▶ [Entries taken from a collection]

================================

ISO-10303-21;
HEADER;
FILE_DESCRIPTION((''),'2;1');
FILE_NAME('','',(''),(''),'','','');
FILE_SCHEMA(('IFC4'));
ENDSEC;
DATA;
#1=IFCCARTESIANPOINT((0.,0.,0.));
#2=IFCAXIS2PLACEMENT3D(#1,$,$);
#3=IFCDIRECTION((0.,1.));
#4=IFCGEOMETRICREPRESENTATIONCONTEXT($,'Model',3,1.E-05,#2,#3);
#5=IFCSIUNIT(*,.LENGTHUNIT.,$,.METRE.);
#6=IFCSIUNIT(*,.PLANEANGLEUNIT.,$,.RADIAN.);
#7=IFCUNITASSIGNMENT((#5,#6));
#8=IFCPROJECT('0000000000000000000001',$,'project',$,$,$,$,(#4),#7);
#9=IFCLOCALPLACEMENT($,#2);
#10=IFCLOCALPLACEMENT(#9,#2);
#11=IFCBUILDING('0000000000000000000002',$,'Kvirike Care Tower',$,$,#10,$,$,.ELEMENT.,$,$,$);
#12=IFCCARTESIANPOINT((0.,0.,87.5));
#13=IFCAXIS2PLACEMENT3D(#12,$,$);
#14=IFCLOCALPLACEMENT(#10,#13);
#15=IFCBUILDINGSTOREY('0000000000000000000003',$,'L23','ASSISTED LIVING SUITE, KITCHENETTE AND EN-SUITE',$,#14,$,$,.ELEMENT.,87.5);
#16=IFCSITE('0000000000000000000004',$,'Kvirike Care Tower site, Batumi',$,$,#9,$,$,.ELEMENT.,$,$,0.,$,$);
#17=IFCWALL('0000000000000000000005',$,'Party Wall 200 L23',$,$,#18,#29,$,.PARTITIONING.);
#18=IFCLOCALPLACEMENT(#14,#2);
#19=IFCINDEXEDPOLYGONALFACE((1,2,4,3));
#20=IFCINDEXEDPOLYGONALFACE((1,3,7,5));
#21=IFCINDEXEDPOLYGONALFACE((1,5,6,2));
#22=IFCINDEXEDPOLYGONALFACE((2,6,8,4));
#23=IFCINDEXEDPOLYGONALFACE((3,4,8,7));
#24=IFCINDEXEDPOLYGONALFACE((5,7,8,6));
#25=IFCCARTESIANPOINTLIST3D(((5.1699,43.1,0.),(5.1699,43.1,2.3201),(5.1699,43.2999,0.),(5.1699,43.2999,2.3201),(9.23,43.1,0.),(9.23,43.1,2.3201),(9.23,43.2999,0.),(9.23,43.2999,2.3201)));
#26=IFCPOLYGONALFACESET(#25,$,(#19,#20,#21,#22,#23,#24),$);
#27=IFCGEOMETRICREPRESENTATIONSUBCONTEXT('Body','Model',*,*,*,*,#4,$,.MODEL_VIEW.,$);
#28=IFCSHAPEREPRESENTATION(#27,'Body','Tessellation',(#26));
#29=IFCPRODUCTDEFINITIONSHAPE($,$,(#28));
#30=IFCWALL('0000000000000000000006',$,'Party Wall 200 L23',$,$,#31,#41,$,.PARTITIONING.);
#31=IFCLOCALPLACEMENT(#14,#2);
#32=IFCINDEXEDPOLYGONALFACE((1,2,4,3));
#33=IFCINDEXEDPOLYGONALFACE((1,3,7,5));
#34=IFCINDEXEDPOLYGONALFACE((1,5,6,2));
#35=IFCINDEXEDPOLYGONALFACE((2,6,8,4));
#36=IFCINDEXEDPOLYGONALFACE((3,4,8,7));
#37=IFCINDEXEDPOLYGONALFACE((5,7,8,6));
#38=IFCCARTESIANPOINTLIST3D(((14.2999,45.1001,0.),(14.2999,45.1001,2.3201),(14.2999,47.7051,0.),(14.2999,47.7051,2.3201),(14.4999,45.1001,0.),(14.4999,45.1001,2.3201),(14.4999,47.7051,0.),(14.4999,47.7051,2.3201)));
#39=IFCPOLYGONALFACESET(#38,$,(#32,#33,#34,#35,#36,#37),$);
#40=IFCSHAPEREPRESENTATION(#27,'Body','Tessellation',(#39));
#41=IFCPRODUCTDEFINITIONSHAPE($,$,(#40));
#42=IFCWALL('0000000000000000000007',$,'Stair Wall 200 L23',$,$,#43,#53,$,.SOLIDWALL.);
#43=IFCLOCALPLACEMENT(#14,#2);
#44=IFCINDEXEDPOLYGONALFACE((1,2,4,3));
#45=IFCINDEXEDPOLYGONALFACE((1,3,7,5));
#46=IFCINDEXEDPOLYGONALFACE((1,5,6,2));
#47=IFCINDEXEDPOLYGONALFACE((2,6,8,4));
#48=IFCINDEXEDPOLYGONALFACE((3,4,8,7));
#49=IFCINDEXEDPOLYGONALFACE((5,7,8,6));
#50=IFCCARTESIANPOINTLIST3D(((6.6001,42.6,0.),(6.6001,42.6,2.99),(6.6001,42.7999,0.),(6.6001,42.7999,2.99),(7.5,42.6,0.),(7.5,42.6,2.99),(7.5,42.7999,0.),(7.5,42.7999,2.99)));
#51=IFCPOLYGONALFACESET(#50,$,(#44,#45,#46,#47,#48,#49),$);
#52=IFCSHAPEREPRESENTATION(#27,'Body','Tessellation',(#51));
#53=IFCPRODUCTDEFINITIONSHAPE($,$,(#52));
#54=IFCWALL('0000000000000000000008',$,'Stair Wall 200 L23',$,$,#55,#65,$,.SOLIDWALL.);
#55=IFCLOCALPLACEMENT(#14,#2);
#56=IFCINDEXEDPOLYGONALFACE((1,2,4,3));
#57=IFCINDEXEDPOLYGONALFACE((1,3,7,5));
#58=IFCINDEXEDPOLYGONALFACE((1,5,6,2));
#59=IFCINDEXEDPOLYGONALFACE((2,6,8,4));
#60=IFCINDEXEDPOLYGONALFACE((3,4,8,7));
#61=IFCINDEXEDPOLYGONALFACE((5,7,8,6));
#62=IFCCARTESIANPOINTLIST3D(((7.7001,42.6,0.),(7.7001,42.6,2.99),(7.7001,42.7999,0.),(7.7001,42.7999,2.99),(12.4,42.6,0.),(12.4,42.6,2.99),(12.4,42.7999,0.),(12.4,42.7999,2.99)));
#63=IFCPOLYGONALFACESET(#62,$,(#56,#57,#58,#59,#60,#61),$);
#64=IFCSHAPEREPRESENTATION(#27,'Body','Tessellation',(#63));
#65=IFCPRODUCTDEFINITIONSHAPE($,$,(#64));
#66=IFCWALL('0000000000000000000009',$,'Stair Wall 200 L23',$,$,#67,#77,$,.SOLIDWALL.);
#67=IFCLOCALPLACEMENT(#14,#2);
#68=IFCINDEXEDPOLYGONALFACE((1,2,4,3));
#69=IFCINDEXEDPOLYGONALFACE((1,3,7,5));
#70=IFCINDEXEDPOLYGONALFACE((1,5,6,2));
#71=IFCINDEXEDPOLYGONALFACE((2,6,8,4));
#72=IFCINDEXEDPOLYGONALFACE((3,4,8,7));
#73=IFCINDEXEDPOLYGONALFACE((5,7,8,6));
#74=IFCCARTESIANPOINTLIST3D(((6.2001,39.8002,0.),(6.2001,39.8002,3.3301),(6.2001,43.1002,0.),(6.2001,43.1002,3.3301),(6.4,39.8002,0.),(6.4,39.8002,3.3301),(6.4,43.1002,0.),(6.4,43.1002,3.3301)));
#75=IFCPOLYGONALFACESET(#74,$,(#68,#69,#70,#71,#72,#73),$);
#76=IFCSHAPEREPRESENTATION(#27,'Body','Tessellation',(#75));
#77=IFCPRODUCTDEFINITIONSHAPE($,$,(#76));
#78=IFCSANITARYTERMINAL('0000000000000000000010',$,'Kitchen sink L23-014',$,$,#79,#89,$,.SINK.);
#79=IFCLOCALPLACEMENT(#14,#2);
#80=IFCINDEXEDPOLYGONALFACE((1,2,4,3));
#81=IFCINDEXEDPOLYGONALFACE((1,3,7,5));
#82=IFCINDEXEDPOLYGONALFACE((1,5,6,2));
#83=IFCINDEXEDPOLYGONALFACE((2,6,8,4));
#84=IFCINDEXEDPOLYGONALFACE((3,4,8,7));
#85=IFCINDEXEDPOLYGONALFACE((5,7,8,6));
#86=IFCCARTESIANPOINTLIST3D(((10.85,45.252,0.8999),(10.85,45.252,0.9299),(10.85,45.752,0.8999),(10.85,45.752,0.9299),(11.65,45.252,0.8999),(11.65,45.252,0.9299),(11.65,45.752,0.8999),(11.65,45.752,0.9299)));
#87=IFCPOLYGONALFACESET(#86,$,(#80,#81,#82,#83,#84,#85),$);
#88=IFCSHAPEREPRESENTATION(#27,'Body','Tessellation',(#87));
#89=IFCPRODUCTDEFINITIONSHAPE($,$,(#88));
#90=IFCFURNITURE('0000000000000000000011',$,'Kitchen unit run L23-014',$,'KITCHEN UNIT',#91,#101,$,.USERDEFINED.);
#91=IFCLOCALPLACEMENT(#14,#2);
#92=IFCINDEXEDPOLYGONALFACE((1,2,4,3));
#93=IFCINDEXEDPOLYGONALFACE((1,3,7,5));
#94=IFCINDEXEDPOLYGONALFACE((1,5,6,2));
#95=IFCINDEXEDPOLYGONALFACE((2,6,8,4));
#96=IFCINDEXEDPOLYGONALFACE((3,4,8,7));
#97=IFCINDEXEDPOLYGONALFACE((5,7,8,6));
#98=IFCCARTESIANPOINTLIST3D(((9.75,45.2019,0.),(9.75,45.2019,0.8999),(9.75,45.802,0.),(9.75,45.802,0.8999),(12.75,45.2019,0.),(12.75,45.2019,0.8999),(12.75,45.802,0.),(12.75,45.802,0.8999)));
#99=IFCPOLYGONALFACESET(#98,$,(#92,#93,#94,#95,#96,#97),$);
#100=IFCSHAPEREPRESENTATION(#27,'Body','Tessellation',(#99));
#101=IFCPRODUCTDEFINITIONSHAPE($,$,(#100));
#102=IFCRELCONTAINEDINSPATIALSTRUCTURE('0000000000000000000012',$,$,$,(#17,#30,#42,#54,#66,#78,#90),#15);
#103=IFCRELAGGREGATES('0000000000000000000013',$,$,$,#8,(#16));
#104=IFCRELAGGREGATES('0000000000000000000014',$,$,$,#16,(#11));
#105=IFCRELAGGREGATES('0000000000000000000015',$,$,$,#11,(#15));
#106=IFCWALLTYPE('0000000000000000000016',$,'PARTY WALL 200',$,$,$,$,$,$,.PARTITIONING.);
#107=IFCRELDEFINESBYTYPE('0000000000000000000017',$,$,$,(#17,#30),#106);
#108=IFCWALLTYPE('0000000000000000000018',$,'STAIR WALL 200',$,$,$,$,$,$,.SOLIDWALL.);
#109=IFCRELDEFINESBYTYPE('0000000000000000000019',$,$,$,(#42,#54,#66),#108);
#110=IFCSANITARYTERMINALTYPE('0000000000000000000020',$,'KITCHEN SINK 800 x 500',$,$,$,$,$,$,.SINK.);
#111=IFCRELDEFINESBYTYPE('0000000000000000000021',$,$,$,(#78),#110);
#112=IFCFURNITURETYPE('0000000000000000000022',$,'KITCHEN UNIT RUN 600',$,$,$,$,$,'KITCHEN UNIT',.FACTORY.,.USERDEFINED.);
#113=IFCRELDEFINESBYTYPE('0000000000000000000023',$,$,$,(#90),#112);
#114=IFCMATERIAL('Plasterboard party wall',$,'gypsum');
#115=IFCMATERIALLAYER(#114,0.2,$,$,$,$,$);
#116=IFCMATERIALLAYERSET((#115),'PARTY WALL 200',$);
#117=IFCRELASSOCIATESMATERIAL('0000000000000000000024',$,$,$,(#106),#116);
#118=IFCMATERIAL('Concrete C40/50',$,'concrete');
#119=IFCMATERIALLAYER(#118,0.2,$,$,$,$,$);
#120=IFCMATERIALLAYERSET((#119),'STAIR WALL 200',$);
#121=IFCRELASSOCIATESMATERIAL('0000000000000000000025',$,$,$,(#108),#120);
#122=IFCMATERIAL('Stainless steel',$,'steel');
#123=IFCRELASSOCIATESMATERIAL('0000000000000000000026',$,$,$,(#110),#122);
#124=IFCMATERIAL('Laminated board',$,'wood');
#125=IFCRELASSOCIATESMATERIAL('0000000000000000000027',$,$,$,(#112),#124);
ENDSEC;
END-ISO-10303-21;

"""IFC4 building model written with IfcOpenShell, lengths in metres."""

from ifc_helpers import new_model, si_unit, direction, frame, frame_2d, origin, origin_2d, place, context, subcontext, project, spatial, rectangle, extrude, material, layer, layer_set, type_object, element, save


model = new_model("IFC4")

# Units and contexts
model_context = context("Model", 3, precision=1e-05, world=origin(), true_north=direction((0.0, 1.0)))
body_context = subcontext(model_context, "Body", "Model", "MODEL_VIEW")
ifc_project = project(units=[si_unit("LENGTHUNIT", "METRE"), si_unit("PLANEANGLEUNIT", "RADIAN")], contexts=[model_context])

# Site, building, storey
site_placement = place(None, origin())
site = spatial("IfcSite", under=ifc_project, at=site_placement, Name="Kvirike Care Tower site, Batumi", CompositionType="ELEMENT", RefElevation=0.0)
building_placement = place(site_placement, origin())
building = spatial("IfcBuilding", under=site, at=building_placement, Name="Kvirike Care Tower", CompositionType="ELEMENT")
storey_placement = place(building_placement, frame((0.0, 0.0, 87.5)))
storey = spatial("IfcBuildingStorey", under=building, at=storey_placement, Name="L23", Description="ASSISTED LIVING SUITE, KITCHENETTE AND EN-SUITE", CompositionType="ELEMENT", Elevation=87.5)

# Walls
ifc_material_1 = material(Name="Plasterboard party wall", Category="gypsum")
ifc_layer_1 = layer(ifc_material_1, 0.2)
ifc_layer_set_1 = layer_set([ifc_layer_1], Name="PARTY WALL 200")
wall_type_1 = type_object("IfcWallType", Name="PARTY WALL 200", PredefinedType="PARTITIONING", material=ifc_layer_set_1)
wall_1_placement = place(storey_placement, frame((9.23, 43.2, 0.0), z_axis=(0.0, 0.0, 1.0), x_axis=(-1.0, 0.0, 0.0)))
element("IfcWall", 1, at=wall_1_placement, inside=storey, type_object=wall_type_1, Name="Party Wall 200 L23", PredefinedType="PARTITIONING", context=body_context, shape_type="SweptSolid", body=[
    extrude(rectangle(XDim=4.0601, YDim=0.2, at=frame_2d((2.03, 0.0))), origin(), (0.0, 0.0, 1.0), 2.3201),
])
wall_2_placement = place(storey_placement, frame((14.3999, 45.1001, 0.0), z_axis=(0.0, 0.0, 1.0), x_axis=(0.0, 1.0, 0.0)))
element("IfcWall", 2, at=wall_2_placement, inside=storey, type_object=wall_type_1, Name="Party Wall 200 L23", PredefinedType="PARTITIONING", context=body_context, shape_type="SweptSolid", body=[
    extrude(rectangle(XDim=2.605, YDim=0.2, at=frame_2d((1.3025, 0.0))), origin(), (0.0, 0.0, 1.0), 2.3201),
])
ifc_material_2 = material(Name="Concrete C40/50", Category="concrete")
ifc_layer_2 = layer(ifc_material_2, 0.2)
ifc_layer_set_2 = layer_set([ifc_layer_2], Name="STAIR WALL 200")
wall_type_2 = type_object("IfcWallType", Name="STAIR WALL 200", PredefinedType="SOLIDWALL", material=ifc_layer_set_2)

================================

▶ [Description of the task] Every line of the data above that includes "Tessellation" should be listed.

▶ [Finished exercise]
#28=IFCSHAPEREPRESENTATION(#27,'Body','Tessellation',(#26));
#40=IFCSHAPEREPRESENTATION(#27,'Body','Tessellation',(#39));
#52=IFCSHAPEREPRESENTATION(#27,'Body','Tessellation',(#51));
#64=IFCSHAPEREPRESENTATION(#27,'Body','Tessellation',(#63));
#76=IFCSHAPEREPRESENTATION(#27,'Body','Tessellation',(#75));
#88=IFCSHAPEREPRESENTATION(#27,'Body','Tessellation',(#87));
#100=IFCSHAPEREPRESENTATION(#27,'Body','Tessellation',(#99));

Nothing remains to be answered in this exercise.